* **Available records**
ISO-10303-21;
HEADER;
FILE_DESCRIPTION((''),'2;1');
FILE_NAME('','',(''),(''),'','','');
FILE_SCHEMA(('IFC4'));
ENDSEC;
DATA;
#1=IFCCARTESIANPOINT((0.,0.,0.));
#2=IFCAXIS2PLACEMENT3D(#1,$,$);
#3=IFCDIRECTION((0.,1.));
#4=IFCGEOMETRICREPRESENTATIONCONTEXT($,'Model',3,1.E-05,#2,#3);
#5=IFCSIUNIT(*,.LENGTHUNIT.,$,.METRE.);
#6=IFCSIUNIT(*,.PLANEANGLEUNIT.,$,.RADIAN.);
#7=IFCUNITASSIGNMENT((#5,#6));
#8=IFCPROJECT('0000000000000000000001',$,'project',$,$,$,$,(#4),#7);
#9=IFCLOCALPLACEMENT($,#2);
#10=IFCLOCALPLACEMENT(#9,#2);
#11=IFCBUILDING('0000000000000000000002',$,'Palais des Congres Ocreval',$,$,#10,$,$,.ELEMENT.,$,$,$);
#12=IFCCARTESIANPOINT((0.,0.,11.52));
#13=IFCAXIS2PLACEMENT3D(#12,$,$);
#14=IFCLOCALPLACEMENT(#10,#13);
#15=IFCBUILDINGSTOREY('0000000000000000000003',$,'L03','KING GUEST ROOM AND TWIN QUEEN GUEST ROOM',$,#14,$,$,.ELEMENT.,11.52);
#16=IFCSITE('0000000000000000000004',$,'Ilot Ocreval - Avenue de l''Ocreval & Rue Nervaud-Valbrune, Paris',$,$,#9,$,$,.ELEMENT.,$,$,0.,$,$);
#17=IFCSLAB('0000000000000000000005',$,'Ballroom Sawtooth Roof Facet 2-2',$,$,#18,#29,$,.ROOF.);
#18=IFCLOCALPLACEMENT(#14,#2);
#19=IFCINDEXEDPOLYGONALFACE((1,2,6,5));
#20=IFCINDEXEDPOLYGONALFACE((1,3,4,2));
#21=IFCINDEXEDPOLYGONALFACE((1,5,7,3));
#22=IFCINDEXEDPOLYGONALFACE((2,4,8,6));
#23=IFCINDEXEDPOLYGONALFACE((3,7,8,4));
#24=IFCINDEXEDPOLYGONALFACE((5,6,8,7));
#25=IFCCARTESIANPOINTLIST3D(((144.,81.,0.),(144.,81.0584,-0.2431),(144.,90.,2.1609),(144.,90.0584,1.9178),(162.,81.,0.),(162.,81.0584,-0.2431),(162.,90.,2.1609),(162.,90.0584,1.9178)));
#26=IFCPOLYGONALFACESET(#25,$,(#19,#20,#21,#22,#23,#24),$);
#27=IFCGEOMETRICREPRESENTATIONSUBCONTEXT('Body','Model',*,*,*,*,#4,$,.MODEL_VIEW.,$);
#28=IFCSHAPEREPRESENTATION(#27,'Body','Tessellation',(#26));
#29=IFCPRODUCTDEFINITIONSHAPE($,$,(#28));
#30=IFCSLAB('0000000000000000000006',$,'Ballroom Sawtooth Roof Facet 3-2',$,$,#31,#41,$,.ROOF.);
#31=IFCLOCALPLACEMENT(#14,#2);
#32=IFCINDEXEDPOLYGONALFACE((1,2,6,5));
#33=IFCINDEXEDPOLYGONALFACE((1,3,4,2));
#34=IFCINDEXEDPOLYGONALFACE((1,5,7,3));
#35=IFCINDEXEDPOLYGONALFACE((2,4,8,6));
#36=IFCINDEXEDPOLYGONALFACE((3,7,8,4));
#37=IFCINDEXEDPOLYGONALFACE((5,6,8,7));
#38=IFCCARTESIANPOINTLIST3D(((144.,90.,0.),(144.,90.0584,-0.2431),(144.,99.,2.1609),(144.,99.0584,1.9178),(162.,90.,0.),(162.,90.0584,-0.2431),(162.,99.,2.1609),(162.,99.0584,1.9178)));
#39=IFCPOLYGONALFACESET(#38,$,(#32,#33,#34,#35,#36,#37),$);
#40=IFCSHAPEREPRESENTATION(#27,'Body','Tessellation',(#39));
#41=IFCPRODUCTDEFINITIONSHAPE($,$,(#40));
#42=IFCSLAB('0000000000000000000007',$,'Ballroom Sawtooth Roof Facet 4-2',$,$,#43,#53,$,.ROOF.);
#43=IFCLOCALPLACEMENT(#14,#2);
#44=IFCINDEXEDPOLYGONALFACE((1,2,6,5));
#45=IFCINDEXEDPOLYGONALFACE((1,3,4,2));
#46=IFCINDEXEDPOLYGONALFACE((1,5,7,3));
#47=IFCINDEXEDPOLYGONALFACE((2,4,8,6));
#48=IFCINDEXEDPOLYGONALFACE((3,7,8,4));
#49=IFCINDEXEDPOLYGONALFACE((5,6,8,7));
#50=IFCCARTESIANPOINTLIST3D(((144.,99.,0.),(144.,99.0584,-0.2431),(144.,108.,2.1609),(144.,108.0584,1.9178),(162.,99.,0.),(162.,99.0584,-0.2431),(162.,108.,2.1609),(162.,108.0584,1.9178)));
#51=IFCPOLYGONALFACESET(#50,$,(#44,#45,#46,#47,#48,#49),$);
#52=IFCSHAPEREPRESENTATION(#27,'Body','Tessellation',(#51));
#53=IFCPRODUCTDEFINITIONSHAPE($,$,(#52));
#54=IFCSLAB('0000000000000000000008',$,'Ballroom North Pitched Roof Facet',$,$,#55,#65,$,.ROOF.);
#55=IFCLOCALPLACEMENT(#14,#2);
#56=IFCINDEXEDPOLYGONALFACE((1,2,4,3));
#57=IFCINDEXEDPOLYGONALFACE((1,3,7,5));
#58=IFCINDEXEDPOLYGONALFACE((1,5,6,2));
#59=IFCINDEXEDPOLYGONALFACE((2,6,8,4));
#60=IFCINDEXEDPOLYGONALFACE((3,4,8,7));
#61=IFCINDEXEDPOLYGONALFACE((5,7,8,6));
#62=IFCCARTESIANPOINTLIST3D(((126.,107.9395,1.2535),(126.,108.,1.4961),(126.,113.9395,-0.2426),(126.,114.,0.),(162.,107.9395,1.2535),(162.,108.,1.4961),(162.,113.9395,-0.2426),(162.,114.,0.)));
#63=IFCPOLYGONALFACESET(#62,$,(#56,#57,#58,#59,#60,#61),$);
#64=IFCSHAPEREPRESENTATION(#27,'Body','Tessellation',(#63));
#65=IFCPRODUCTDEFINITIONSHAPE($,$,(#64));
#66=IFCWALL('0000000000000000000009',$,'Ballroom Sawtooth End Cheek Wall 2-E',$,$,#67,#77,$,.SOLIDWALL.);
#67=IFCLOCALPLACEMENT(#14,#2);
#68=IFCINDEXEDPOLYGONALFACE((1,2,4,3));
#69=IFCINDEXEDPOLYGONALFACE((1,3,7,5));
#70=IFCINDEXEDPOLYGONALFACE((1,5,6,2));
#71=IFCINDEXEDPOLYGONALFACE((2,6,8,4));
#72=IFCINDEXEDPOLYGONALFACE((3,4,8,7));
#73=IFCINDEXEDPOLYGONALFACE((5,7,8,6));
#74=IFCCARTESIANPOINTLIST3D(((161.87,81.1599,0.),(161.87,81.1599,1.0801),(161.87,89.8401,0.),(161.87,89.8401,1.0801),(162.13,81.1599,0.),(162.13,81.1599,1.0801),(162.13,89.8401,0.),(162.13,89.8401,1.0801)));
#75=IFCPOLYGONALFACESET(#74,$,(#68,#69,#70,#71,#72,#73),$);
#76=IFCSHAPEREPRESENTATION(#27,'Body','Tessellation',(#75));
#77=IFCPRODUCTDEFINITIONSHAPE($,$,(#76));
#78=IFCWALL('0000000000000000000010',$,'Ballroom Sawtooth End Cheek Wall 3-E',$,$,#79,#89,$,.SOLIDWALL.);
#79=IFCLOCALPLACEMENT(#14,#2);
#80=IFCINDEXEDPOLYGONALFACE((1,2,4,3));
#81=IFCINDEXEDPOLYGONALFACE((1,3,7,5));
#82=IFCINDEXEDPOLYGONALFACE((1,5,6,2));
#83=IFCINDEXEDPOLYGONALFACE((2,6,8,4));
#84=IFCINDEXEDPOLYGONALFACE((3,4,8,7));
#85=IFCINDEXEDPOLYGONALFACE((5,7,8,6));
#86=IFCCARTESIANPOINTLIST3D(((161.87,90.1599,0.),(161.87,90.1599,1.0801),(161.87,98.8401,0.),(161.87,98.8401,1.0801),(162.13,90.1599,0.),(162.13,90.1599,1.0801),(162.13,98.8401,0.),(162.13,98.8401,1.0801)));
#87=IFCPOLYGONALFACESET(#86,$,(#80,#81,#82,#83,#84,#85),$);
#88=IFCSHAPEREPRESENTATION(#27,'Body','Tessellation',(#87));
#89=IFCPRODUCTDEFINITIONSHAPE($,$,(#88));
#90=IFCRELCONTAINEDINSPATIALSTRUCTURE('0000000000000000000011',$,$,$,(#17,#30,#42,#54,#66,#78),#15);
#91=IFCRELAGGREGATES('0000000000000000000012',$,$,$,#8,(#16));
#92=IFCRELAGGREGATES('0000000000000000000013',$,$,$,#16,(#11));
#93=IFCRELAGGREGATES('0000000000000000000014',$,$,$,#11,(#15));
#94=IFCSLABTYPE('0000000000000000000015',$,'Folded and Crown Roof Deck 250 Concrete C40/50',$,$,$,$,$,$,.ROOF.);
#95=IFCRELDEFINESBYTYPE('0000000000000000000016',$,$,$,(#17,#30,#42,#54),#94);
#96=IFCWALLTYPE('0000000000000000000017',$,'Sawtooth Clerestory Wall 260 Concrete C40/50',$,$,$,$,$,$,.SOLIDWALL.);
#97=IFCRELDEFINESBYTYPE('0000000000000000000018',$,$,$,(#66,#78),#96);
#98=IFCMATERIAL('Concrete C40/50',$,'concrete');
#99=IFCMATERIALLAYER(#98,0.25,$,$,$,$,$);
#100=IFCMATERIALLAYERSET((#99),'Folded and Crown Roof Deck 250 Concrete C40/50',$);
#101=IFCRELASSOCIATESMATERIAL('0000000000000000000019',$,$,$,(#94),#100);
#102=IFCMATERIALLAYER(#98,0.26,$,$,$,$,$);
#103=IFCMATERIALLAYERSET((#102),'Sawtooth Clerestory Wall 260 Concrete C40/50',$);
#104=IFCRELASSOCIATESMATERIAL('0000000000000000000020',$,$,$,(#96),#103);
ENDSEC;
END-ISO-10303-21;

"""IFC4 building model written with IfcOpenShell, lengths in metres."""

from ifc_helpers import new_model, si_unit, direction, frame, frame_2d, origin, place, context, subcontext, project, spatial, polyline, rectangle, outline, extrude, material, layer, layer_set, type_object, element, save


model = new_model("IFC4")

# Units and contexts
model_context = context("Model", 3, precision=1e-05, world=origin(), true_north=direction((0.0, 1.0)))
body_context = subcontext(model_context, "Body", "Model", "MODEL_VIEW")
ifc_project = project(units=[si_unit("LENGTHUNIT", "METRE"), si_unit("PLANEANGLEUNIT", "RADIAN")], contexts=[model_context])

# Site, building, storey
site_placement = place(None, origin())
site = spatial("IfcSite", under=ifc_project, at=site_placement, Name="Ilot Ocreval - Avenue de l'Ocreval & Rue Nervaud-Valbrune, Paris", CompositionType="ELEMENT", RefElevation=0.0)
building_placement = place(site_placement, origin())
building = spatial("IfcBuilding", under=site, at=building_placement, Name="Palais des Congres Ocreval", CompositionType="ELEMENT")
storey_placement = place(building_placement, frame((0.0, 0.0, 11.52)))
storey = spatial("IfcBuildingStorey", under=building, at=storey_placement, Name="L03", Description="KING GUEST ROOM AND TWIN QUEEN GUEST ROOM", CompositionType="ELEMENT", Elevation=11.52)

# Slabs
ifc_material_1 = material(Name="Concrete C40/50", Category="concrete")
ifc_layer_1 = layer(ifc_material_1, 0.25)
ifc_layer_set_1 = layer_set([ifc_layer_1], Name="Folded and Crown Roof Deck 250 Concrete C40/50")
slab_type = type_object("IfcSlabType", Name="Folded and Crown Roof Deck 250 Concrete C40/50", PredefinedType="ROOF", material=ifc_layer_set_1)
for number, where, z_axis, x_axis, name in (
    (1, (144.0, 81.0, 0.0), (0.0, -0.233464, 0.972366), (1.0, 0.0, 0.0), "Ballroom Sawtooth Roof Facet 2-2"),
    (2, (144.0, 90.0, 0.0), (0.0, -0.233464, 0.972366), (1.0, 0.0, 0.0), "Ballroom Sawtooth Roof Facet 3-2"),
    (3, (144.0, 99.0, 0.0), (0.0, -0.233464, 0.972366), (1.0, 0.0, 0.0), "Ballroom Sawtooth Roof Facet 4-2"),
):
    element("IfcSlab", number, at=place(storey_placement, frame(where, z_axis=z_axis, x_axis=x_axis)), inside=storey, type_object=slab_type, Name=name, PredefinedType="ROOF", context=body_context, shape_type="SweptSolid", body=[
        extrude(outline(polyline([(0.0, 0.0), (18.0, 0.0), (18.0, 9.2558), (0.0, 9.2558), (0.0, 0.0)])), origin(), (0.0, 0.0, -1.0), 0.25),
    ])
slab_placement = place(storey_placement, frame((126.0, 108.0, 1.4961), z_axis=(0.0, 0.241941, 0.970291), x_axis=(1.0, 0.0, 0.0)))
element("IfcSlab", 4, at=slab_placement, inside=storey, type_object=slab_type, Name="Ballroom North Pitched Roof Facet", PredefinedType="ROOF", context=body_context, shape_type="SweptSolid", body=[
    extrude(outline(polyline([(0.0, 0.0), (36.0, 0.0), (36.0, 6.1837), (0.0, 6.1837), (0.0, 0.0)])), origin(), (0.0, 0.0, -1.0), 0.25),
])

# Walls
ifc_layer_2 = layer(ifc_material_1, 0.26)
ifc_layer_set_2 = layer_set([ifc_layer_2], Name="Sawtooth Clerestory Wall 260 Concrete C40/50")
wall_type = type_object("IfcWallType", Name="Sawtooth Clerestory Wall 260 Concrete C40/50", PredefinedType="SOLIDWALL", material=ifc_layer_set_2)
for number, where, z_axis, x_axis, name in (
    (5, (162.0, 81.1599, 0.0), (0.0, 0.0, 1.0), (0.0, 1.0, 0.0), "Ballroom Sawtooth End Cheek Wall 2-E"),
    (6, (162.0, 90.1599, 0.0), (0.0, 0.0, 1.0), (0.0, 1.0, 0.0), "Ballroom Sawtooth End Cheek Wall 3-E"),
):
    element("IfcWall", number, at=place(storey_placement, frame(where, z_axis=z_axis, x_axis=x_axis)), inside=storey, type_object=wall_type, Name=name, PredefinedType="SOLIDWALL", context=body_context, shape_type="SweptSolid", body=[
        extrude(rectangle(XDim=8.6802, YDim=0.26, at=frame_2d((4.3401, 0.0))), origin(), (0.0, 0.0, 1.0), 1.0801),
    ])

save(model, "model.ifc")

* **Description of the task**
In the entries above, find the line with "#87=IFCPOLYGONALFACESET(#86,$,(#80,#81,#82,#83,#84,#85),$);" and the line with "END-ISO-10303-21;", then set down exactly those two and every line between them, nothing else.

* **Answer section**
#87=IFCPOLYGONALFACESET(#86,$,(#80,#81,#82,#83,#84,#85),$);
#88=IFCSHAPEREPRESENTATION(#27,'Body','Tessellation',(#87));
#89=IFCPRODUCTDEFINITIONSHAPE($,$,(#88));
#90=IFCRELCONTAINEDINSPATIALSTRUCTURE('0000000000000000000011',$,$,$,(#17,#30,#42,#54,#66,#78),#15);
#91=IFCRELAGGREGATES('0000000000000000000012',$,$,$,#8,(#16));
#92=IFCRELAGGREGATES('0000000000000000000013',$,$,$,#16,(#11));
#93=IFCRELAGGREGATES('0000000000000000000014',$,$,$,#11,(#15));
#94=IFCSLABTYPE('0000000000000000000015',$,'Folded and Crown Roof Deck 250 Concrete C40/50',$,$,$,$,$,$,.ROOF.);
#95=IFCRELDEFINESBYTYPE('0000000000000000000016',$,$,$,(#17,#30,#42,#54),#94);
#96=IFCWALLTYPE('0000000000000000000017',$,'Sawtooth Clerestory Wall 260 Concrete C40/50',$,$,$,$,$,$,.SOLIDWALL.);
#97=IFCRELDEFINESBYTYPE('0000000000000000000018',$,$,$,(#66,#78),#96);
#98=IFCMATERIAL('Concrete C40/50',$,'concrete');
#99=IFCMATERIALLAYER(#98,0.25,$,$,$,$,$);
#100=IFCMATERIALLAYERSET((#99),'Folded and Crown Roof Deck 250 Concrete C40/50',$);
#101=IFCRELASSOCIATESMATERIAL('0000000000000000000019',$,$,$,(#94),#100);
#102=IFCMATERIALLAYER(#98,0.26,$,$,$,$,$);
#103=IFCMATERIALLAYERSET((#102),'Sawtooth Clerestory Wall 260 Concrete C40/50',$);
#104=IFCRELASSOCIATESMATERIAL('0000000000000000000020',$,$,$,(#96),#103);
ENDSEC;
END-ISO-10303-21;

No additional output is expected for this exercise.